What to do
A verbatim reproduction of the lines below, from the line containing "#117=IFCINDEXEDPOLYGONALFACE((2,6,8,4));" through the line containing "#130=IFCINDEXEDPOLYGONALFACE((3,4,8,7));", both ends included, is the whole required output.

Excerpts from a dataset

◇ ◇ ◇ ◇ ◇

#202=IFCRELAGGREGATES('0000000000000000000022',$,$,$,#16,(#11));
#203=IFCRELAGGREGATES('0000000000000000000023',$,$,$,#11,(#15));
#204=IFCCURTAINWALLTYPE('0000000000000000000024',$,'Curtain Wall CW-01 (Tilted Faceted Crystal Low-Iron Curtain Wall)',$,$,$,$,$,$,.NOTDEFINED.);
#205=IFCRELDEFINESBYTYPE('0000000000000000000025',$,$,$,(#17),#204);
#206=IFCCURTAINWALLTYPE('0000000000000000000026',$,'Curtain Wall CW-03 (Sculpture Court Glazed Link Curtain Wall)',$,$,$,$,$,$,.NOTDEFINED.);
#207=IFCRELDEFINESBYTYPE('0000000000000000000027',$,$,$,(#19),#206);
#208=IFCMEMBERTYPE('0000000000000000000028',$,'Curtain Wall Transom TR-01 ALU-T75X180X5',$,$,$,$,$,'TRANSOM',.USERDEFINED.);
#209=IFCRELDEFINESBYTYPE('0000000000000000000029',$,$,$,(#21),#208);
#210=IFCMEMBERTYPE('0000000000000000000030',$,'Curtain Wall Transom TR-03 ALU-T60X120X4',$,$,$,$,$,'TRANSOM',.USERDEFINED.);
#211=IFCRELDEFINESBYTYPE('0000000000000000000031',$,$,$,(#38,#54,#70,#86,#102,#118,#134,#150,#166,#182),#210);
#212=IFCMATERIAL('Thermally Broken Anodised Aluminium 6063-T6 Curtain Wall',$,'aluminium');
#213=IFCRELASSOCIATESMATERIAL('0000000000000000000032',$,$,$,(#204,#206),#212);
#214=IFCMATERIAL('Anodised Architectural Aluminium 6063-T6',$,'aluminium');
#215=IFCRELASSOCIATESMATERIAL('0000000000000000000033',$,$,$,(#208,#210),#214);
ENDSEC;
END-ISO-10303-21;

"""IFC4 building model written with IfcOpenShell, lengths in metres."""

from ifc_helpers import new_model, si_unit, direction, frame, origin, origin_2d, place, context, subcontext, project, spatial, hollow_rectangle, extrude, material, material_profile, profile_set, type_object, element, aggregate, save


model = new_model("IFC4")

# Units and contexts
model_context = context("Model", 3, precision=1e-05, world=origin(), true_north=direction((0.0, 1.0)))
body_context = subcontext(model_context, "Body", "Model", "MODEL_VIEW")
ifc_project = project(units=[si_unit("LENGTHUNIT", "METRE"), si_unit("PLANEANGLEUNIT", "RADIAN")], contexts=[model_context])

◇ ◇ ◇ ◇ ◇

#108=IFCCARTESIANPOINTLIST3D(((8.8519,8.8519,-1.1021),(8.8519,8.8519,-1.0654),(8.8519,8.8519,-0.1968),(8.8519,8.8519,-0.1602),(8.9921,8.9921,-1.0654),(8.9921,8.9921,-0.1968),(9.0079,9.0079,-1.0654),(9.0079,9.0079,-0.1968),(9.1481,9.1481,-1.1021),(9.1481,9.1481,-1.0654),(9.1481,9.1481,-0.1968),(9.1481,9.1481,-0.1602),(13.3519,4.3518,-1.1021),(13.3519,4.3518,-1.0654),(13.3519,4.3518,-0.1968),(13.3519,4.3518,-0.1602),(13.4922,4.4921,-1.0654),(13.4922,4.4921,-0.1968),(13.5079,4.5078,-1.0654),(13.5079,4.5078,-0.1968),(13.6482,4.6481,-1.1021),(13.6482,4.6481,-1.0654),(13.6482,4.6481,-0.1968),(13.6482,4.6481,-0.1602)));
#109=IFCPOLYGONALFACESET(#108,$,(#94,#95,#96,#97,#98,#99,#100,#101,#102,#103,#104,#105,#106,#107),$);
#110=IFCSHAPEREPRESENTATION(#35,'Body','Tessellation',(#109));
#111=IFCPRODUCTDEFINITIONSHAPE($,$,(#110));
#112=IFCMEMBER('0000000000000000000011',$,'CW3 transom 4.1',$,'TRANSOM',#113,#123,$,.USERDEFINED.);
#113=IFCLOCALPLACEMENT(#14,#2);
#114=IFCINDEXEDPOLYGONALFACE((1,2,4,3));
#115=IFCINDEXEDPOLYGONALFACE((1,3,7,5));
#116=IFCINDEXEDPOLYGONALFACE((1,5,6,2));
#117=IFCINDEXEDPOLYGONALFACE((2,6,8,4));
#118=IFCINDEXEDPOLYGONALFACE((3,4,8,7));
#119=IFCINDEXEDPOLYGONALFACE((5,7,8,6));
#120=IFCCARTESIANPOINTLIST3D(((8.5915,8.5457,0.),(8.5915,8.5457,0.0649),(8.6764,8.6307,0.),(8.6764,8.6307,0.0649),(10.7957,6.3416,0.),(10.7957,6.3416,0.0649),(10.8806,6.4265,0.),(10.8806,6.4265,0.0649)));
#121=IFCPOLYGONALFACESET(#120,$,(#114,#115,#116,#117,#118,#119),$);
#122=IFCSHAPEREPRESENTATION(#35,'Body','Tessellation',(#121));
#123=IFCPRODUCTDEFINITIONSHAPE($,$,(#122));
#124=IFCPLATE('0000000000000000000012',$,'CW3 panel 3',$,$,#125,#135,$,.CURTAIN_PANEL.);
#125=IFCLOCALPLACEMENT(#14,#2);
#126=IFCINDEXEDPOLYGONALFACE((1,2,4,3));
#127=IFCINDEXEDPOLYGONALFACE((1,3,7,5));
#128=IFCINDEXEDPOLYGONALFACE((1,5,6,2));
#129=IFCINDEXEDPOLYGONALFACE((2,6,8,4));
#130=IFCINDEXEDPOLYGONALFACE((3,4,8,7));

◇ ◇ ◇ ◇ ◇

Worked solution
#117=IFCINDEXEDPOLYGONALFACE((2,6,8,4));
#118=IFCINDEXEDPOLYGONALFACE((3,4,8,7));
#119=IFCINDEXEDPOLYGONALFACE((5,7,8,6));
#120=IFCCARTESIANPOINTLIST3D(((8.5915,8.5457,0.),(8.5915,8.5457,0.0649),(8.6764,8.6307,0.),(8.6764,8.6307,0.0649),(10.7957,6.3416,0.),(10.7957,6.3416,0.0649),(10.8806,6.4265,0.),(10.8806,6.4265,0.0649)));
#121=IFCPOLYGONALFACESET(#120,$,(#114,#115,#116,#117,#118,#119),$);
#122=IFCSHAPEREPRESENTATION(#35,'Body','Tessellation',(#121));
#123=IFCPRODUCTDEFINITIONSHAPE($,$,(#122));
#124=IFCPLATE('0000000000000000000012',$,'CW3 panel 3',$,$,#125,#135,$,.CURTAIN_PANEL.);
#125=IFCLOCALPLACEMENT(#14,#2);
#126=IFCINDEXEDPOLYGONALFACE((1,2,4,3));
#127=IFCINDEXEDPOLYGONALFACE((1,3,7,5));
#128=IFCINDEXEDPOLYGONALFACE((1,5,6,2));
#129=IFCINDEXEDPOLYGONALFACE((2,6,8,4));
#130=IFCINDEXEDPOLYGONALFACE((3,4,8,7));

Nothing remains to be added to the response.